> [PROBLEM]: From the records below, determine the number of lines containing "subcontext". Output that number alone.

MATERIAL FOR THIS TASK Block Start

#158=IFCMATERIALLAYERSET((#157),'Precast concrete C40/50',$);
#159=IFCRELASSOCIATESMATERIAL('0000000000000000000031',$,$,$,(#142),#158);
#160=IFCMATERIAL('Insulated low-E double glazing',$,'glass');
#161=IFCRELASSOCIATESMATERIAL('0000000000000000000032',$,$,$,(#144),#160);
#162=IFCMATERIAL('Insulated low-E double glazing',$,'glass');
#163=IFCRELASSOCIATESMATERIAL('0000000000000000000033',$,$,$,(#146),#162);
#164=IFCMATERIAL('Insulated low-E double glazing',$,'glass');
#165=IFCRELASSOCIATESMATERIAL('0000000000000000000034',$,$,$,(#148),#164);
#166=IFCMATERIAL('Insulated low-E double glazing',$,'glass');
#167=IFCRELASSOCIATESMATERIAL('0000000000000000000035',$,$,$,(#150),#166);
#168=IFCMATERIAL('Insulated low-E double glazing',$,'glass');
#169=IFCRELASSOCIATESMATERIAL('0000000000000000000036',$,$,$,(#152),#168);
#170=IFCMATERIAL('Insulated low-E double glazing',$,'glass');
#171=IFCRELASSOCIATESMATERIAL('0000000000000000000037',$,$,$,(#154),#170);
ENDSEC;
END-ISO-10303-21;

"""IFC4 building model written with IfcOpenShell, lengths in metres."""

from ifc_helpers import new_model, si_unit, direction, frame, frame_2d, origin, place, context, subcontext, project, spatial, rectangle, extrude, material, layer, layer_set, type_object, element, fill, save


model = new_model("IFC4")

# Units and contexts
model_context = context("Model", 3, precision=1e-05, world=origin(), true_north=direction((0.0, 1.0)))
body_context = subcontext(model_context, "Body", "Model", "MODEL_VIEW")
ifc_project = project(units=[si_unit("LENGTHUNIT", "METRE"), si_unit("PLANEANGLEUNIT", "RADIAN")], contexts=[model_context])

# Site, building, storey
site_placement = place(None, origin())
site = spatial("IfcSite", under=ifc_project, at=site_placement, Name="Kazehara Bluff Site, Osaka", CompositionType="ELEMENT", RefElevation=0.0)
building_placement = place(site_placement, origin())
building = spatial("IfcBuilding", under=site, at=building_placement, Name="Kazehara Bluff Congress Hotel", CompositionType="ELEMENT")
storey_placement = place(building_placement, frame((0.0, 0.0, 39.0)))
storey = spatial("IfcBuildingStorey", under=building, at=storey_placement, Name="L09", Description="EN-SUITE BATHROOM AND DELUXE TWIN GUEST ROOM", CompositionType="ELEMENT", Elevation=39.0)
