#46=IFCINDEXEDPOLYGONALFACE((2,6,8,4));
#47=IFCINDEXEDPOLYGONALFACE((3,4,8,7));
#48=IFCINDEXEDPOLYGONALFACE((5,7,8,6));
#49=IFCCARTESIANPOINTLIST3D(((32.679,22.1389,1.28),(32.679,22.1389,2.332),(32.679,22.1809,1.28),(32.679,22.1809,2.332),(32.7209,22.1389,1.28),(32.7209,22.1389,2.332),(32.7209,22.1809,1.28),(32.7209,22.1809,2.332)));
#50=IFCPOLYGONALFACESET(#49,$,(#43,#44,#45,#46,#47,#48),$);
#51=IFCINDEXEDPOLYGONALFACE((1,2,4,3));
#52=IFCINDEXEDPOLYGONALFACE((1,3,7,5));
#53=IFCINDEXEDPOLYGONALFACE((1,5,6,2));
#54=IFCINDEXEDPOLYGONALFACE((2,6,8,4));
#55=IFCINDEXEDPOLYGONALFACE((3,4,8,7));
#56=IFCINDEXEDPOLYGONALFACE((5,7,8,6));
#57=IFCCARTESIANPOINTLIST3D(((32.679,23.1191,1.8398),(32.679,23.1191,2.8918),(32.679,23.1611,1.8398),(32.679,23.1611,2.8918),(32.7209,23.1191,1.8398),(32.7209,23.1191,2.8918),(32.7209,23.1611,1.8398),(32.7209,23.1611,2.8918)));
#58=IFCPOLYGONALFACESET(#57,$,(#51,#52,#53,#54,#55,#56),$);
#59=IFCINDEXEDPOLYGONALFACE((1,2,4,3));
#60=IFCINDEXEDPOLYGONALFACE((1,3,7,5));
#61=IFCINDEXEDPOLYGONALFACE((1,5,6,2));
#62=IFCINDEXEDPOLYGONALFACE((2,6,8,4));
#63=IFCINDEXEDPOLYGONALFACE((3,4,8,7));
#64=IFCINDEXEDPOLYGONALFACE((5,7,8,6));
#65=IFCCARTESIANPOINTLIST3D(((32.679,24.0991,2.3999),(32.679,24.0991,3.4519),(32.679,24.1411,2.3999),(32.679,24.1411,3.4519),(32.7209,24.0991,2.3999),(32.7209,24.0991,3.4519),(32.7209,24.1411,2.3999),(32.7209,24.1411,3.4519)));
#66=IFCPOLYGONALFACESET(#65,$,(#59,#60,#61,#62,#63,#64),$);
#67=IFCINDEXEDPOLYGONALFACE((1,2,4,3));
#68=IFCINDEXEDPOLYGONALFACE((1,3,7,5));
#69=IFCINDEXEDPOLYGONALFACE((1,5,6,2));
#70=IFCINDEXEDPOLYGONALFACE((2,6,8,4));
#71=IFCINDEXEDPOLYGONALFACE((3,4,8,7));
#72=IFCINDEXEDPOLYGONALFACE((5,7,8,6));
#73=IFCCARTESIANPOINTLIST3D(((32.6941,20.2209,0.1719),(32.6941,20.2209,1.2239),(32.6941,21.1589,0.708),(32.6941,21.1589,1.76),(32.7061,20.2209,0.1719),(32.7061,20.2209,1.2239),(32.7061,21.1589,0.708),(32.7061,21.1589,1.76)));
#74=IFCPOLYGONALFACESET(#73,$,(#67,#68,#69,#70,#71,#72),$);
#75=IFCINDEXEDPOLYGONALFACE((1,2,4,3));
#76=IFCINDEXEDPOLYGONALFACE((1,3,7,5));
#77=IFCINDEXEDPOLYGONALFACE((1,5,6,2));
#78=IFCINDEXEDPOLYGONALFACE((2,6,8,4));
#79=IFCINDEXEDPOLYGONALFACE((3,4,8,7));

MATERIAL FOR THIS TASK Block End

> [RESULT OF THE TASK]: 2